Dataset entries:
· · ·

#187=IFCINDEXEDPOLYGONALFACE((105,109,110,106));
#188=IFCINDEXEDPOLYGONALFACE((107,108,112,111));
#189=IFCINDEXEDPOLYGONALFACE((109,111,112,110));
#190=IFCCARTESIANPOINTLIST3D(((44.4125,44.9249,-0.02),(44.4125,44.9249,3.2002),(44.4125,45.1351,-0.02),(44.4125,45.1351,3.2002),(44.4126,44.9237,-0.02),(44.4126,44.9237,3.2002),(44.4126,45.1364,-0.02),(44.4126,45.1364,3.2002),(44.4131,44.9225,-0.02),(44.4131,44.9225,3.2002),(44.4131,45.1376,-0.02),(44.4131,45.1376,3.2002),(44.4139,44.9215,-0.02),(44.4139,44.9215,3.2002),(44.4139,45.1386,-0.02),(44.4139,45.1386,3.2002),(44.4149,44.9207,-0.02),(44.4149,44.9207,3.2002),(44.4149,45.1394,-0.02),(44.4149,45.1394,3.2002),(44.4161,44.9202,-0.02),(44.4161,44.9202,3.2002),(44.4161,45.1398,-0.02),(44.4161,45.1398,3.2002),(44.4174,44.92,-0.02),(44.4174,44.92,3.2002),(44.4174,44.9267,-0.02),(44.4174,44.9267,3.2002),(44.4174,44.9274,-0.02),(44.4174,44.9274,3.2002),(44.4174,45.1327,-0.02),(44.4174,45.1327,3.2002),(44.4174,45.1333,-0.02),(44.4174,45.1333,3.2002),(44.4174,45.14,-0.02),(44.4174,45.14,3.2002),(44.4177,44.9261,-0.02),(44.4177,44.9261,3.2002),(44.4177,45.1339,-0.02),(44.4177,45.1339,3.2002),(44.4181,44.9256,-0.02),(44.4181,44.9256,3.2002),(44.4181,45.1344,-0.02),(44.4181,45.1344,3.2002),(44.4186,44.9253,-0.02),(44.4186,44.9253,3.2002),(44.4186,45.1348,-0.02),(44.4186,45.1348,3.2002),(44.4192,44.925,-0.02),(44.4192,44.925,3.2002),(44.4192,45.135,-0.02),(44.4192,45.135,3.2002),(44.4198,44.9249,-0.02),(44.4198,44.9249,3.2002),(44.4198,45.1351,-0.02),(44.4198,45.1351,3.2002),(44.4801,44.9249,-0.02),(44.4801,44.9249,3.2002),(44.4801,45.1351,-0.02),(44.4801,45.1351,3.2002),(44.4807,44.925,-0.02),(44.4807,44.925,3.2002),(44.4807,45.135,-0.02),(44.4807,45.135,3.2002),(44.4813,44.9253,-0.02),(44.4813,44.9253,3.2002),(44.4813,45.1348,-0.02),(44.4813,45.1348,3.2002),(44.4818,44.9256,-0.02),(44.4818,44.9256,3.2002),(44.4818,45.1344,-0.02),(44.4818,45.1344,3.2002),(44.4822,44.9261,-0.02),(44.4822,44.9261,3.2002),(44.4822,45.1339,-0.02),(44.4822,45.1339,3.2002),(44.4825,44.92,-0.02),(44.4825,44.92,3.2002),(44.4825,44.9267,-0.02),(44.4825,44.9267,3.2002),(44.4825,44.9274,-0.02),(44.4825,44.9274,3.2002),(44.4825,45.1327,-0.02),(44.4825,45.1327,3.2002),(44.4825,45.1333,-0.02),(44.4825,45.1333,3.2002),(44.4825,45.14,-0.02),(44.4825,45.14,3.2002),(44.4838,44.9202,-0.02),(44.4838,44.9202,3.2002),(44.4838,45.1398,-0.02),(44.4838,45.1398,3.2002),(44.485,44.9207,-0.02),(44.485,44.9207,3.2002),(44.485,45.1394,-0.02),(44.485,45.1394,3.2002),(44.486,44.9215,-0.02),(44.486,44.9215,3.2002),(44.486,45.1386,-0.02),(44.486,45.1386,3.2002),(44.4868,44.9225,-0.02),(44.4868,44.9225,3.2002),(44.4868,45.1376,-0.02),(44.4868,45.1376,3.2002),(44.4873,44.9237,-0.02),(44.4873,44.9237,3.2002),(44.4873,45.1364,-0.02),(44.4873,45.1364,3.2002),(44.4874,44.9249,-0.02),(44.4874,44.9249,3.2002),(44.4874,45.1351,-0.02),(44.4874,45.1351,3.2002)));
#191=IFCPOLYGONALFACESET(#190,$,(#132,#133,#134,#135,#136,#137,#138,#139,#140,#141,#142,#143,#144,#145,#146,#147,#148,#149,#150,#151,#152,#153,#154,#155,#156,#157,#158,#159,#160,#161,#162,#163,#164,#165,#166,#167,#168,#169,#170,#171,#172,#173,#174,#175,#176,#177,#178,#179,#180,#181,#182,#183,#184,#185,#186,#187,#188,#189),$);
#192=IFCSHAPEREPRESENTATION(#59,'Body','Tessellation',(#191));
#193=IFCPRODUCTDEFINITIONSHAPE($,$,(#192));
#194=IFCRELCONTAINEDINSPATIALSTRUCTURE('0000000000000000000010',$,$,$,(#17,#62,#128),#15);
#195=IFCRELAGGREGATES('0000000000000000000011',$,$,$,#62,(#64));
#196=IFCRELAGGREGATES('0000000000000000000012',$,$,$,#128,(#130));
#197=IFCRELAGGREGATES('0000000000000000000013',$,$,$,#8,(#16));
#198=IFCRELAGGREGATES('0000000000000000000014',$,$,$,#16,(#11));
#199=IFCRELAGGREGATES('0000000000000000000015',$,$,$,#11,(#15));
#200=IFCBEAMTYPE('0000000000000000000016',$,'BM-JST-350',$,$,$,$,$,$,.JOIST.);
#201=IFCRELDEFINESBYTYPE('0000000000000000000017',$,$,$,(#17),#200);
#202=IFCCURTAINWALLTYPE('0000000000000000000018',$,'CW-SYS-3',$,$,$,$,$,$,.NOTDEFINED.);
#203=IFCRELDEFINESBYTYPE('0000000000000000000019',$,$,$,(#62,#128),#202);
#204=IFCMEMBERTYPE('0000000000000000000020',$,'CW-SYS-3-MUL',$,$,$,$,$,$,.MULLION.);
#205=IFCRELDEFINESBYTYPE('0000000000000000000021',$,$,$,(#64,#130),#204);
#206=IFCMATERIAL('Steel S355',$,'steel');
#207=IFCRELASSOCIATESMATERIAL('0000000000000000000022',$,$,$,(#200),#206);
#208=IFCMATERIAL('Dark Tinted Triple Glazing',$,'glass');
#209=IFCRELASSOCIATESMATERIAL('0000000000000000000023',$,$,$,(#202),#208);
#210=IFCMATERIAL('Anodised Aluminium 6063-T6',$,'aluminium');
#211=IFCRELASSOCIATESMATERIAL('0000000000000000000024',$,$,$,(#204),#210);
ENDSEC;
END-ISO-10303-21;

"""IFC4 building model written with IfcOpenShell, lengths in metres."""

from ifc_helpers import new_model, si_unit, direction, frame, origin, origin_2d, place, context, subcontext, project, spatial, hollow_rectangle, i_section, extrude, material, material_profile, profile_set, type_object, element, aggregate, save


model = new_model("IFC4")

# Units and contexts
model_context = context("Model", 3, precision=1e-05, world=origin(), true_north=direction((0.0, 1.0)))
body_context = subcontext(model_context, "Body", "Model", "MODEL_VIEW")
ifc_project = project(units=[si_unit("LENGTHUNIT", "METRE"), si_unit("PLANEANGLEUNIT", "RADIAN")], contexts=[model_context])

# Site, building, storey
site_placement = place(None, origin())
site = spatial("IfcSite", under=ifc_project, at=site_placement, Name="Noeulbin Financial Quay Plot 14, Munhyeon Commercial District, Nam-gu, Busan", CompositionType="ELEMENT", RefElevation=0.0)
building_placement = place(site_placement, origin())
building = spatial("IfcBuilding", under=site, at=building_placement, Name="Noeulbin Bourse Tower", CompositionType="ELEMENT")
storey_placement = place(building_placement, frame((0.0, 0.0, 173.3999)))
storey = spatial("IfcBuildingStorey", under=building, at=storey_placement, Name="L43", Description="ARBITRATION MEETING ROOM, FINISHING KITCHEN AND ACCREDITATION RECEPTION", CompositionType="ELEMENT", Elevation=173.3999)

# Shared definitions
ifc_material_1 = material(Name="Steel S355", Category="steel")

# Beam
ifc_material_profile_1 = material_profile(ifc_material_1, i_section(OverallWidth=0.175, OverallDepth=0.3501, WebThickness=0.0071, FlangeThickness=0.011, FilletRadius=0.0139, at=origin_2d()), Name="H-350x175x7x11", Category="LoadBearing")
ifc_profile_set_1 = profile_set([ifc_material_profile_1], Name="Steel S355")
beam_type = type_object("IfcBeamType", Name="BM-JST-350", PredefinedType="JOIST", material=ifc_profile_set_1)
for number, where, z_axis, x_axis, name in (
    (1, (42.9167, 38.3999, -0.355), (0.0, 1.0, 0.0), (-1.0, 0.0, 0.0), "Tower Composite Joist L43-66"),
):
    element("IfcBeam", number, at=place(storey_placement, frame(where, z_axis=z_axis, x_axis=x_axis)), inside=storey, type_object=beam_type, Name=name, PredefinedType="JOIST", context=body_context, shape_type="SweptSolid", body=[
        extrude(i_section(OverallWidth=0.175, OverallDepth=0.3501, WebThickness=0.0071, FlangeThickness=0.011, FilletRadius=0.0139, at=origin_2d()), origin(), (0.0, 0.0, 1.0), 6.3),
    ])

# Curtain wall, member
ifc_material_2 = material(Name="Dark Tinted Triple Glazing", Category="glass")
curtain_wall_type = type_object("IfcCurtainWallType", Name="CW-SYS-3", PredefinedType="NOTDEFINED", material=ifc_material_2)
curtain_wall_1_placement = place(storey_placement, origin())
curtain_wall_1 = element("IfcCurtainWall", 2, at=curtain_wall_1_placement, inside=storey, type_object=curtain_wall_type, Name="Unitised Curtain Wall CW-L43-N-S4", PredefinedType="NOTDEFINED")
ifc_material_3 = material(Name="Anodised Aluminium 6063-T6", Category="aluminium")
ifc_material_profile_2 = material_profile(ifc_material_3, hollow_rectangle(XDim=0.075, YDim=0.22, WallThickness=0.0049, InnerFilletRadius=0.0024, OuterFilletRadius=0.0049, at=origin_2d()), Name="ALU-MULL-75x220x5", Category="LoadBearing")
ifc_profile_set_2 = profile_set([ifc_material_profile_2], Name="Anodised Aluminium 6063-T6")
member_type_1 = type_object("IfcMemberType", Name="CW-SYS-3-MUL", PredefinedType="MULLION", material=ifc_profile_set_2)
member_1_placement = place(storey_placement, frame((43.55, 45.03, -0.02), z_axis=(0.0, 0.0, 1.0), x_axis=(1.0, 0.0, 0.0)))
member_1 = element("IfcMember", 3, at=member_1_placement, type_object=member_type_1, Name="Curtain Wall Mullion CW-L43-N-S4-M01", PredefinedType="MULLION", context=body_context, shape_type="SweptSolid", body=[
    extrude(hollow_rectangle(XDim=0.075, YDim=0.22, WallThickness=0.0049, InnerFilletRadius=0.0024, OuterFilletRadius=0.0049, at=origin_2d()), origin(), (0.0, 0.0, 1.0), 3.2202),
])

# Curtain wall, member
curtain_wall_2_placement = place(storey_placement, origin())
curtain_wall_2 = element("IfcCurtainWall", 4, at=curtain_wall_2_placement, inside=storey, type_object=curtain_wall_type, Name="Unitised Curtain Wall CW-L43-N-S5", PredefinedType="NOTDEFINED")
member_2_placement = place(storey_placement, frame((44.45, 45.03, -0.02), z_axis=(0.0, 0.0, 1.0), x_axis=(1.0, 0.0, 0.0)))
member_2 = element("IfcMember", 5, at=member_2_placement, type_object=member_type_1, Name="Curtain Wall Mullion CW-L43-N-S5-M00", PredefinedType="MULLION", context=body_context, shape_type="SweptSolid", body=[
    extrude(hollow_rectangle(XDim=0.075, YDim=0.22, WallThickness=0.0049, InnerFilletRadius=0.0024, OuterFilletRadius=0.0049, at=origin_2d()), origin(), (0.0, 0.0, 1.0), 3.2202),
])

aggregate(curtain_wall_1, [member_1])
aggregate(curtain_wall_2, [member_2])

· · ·

→ Task description:
Your reply should be a single number: the count of lines above that include the string "where".

→ Task output:
2